Exercise directions =>
Transcribe the listing below only from the line with "#10=IFCLOCALPLACEMENT(#9,#2);" up to and including the line with "#35=IFCINDEXEDPOLYGONALFACE((5,7,8,6));".

Input for this task =>
---

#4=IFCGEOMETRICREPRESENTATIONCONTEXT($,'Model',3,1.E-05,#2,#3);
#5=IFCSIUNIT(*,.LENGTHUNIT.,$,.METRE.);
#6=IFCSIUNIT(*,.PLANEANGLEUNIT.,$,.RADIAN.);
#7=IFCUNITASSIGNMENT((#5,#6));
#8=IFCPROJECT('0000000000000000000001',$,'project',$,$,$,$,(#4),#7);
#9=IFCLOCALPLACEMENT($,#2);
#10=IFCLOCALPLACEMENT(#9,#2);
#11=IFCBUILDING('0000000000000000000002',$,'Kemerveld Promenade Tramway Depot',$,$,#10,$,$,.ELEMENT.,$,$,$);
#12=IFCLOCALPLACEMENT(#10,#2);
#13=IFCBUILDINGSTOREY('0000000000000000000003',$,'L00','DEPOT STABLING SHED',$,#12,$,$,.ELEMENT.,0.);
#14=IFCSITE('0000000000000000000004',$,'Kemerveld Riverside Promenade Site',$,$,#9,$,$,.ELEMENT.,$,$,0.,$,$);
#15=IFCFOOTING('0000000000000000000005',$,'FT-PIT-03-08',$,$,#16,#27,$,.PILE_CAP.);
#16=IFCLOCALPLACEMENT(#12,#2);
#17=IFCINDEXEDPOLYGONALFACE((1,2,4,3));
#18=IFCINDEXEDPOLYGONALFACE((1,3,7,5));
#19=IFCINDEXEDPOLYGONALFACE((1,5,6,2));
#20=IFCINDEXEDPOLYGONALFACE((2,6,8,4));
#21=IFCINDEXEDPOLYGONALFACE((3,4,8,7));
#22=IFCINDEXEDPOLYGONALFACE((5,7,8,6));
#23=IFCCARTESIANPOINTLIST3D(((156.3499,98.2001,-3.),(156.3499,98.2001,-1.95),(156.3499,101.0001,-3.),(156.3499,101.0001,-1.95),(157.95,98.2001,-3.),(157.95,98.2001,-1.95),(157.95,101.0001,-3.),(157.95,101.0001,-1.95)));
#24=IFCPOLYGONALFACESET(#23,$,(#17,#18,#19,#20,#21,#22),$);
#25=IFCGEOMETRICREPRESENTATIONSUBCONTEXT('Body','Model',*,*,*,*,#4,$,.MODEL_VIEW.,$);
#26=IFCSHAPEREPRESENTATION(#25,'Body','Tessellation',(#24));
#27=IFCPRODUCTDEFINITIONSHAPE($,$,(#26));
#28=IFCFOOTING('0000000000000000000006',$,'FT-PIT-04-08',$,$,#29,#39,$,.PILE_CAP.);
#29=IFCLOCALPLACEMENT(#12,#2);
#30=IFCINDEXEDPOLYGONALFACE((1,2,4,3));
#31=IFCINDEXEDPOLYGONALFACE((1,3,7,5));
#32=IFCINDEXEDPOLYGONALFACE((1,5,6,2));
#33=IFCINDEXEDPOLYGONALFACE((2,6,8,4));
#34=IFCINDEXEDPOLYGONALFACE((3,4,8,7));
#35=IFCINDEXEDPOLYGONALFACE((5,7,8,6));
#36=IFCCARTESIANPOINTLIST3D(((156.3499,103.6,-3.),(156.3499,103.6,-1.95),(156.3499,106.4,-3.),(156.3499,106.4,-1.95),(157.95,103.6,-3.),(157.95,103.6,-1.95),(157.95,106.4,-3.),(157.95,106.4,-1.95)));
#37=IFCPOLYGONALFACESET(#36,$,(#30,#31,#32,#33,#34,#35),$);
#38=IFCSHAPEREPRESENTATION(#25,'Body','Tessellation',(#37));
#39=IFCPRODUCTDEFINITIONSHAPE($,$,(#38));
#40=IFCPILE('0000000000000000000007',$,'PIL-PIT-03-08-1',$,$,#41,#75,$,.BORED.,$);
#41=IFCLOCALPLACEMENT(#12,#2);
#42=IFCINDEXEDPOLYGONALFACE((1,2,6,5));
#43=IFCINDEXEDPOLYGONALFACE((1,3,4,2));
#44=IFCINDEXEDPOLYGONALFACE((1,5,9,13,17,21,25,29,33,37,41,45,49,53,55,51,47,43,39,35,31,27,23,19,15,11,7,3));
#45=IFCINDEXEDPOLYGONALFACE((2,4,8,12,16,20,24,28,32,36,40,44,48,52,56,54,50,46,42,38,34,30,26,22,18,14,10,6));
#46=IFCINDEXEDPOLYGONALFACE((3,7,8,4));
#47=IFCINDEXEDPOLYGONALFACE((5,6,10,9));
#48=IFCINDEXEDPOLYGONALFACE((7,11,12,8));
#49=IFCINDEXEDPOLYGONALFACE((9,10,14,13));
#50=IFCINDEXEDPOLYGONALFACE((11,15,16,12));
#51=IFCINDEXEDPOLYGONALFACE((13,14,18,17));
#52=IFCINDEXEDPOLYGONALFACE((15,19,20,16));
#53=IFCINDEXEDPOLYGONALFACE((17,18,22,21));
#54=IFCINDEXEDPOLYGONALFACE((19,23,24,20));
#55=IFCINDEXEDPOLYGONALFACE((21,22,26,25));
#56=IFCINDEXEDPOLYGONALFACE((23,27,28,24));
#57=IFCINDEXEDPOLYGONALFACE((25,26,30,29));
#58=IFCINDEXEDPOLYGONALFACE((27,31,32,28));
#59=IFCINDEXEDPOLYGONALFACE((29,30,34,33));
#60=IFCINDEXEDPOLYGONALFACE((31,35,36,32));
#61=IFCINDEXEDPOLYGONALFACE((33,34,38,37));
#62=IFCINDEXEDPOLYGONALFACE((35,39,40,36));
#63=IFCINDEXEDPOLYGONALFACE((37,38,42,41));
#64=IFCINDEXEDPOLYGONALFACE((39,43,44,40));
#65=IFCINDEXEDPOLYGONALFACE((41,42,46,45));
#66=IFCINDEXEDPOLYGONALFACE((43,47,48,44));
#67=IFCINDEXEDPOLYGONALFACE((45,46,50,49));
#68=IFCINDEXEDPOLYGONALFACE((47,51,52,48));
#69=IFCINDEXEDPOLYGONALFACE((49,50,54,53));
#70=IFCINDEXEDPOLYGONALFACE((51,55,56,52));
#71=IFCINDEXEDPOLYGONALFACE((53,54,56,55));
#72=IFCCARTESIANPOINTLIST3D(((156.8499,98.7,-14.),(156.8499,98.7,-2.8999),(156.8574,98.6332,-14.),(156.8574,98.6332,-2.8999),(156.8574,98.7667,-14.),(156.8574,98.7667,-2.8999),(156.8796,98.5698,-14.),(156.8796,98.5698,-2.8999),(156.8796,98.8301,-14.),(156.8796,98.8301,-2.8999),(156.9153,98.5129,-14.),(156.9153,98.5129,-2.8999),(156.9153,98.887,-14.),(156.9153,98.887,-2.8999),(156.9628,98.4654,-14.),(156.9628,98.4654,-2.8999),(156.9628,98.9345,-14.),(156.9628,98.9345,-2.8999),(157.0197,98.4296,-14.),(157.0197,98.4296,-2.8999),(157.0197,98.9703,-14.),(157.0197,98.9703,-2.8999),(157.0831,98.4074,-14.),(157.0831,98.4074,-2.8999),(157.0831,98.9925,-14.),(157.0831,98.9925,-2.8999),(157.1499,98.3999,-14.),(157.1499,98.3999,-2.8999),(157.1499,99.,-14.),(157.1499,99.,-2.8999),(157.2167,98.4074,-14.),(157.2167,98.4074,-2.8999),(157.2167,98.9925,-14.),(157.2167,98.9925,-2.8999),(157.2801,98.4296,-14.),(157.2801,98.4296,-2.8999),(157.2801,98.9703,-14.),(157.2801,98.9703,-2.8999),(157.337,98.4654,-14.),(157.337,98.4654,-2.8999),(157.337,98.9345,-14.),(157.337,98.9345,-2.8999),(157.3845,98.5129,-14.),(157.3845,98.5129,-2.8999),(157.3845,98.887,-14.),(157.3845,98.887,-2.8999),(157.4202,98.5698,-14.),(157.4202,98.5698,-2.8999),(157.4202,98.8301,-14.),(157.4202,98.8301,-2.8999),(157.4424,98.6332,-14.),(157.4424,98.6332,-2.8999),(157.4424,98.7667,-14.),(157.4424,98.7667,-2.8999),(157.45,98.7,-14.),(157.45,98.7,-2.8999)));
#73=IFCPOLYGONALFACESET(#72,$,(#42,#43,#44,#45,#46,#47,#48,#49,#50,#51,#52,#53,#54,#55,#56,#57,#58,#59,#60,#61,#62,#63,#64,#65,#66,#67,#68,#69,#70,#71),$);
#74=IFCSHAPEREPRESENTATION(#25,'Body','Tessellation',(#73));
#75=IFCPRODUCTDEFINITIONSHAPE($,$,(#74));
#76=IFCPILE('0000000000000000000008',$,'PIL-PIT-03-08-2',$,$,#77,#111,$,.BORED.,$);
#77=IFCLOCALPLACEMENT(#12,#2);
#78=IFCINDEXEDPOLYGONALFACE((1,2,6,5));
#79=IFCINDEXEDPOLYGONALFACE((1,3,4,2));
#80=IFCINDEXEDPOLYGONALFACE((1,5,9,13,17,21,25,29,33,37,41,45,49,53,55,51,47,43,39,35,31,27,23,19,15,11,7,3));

---

Task answer =>
#10=IFCLOCALPLACEMENT(#9,#2);
#11=IFCBUILDING('0000000000000000000002',$,'Kemerveld Promenade Tramway Depot',$,$,#10,$,$,.ELEMENT.,$,$,$);
#12=IFCLOCALPLACEMENT(#10,#2);
#13=IFCBUILDINGSTOREY('0000000000000000000003',$,'L00','DEPOT STABLING SHED',$,#12,$,$,.ELEMENT.,0.);
#14=IFCSITE('0000000000000000000004',$,'Kemerveld Riverside Promenade Site',$,$,#9,$,$,.ELEMENT.,$,$,0.,$,$);
#15=IFCFOOTING('0000000000000000000005',$,'FT-PIT-03-08',$,$,#16,#27,$,.PILE_CAP.);
#16=IFCLOCALPLACEMENT(#12,#2);
#17=IFCINDEXEDPOLYGONALFACE((1,2,4,3));
#18=IFCINDEXEDPOLYGONALFACE((1,3,7,5));
#19=IFCINDEXEDPOLYGONALFACE((1,5,6,2));
#20=IFCINDEXEDPOLYGONALFACE((2,6,8,4));
#21=IFCINDEXEDPOLYGONALFACE((3,4,8,7));
#22=IFCINDEXEDPOLYGONALFACE((5,7,8,6));
#23=IFCCARTESIANPOINTLIST3D(((156.3499,98.2001,-3.),(156.3499,98.2001,-1.95),(156.3499,101.0001,-3.),(156.3499,101.0001,-1.95),(157.95,98.2001,-3.),(157.95,98.2001,-1.95),(157.95,101.0001,-3.),(157.95,101.0001,-1.95)));
#24=IFCPOLYGONALFACESET(#23,$,(#17,#18,#19,#20,#21,#22),$);
#25=IFCGEOMETRICREPRESENTATIONSUBCONTEXT('Body','Model',*,*,*,*,#4,$,.MODEL_VIEW.,$);
#26=IFCSHAPEREPRESENTATION(#25,'Body','Tessellation',(#24));
#27=IFCPRODUCTDEFINITIONSHAPE($,$,(#26));
#28=IFCFOOTING('0000000000000000000006',$,'FT-PIT-04-08',$,$,#29,#39,$,.PILE_CAP.);
#29=IFCLOCALPLACEMENT(#12,#2);
#30=IFCINDEXEDPOLYGONALFACE((1,2,4,3));
#31=IFCINDEXEDPOLYGONALFACE((1,3,7,5));
#32=IFCINDEXEDPOLYGONALFACE((1,5,6,2));
#33=IFCINDEXEDPOLYGONALFACE((2,6,8,4));
#34=IFCINDEXEDPOLYGONALFACE((3,4,8,7));
#35=IFCINDEXEDPOLYGONALFACE((5,7,8,6));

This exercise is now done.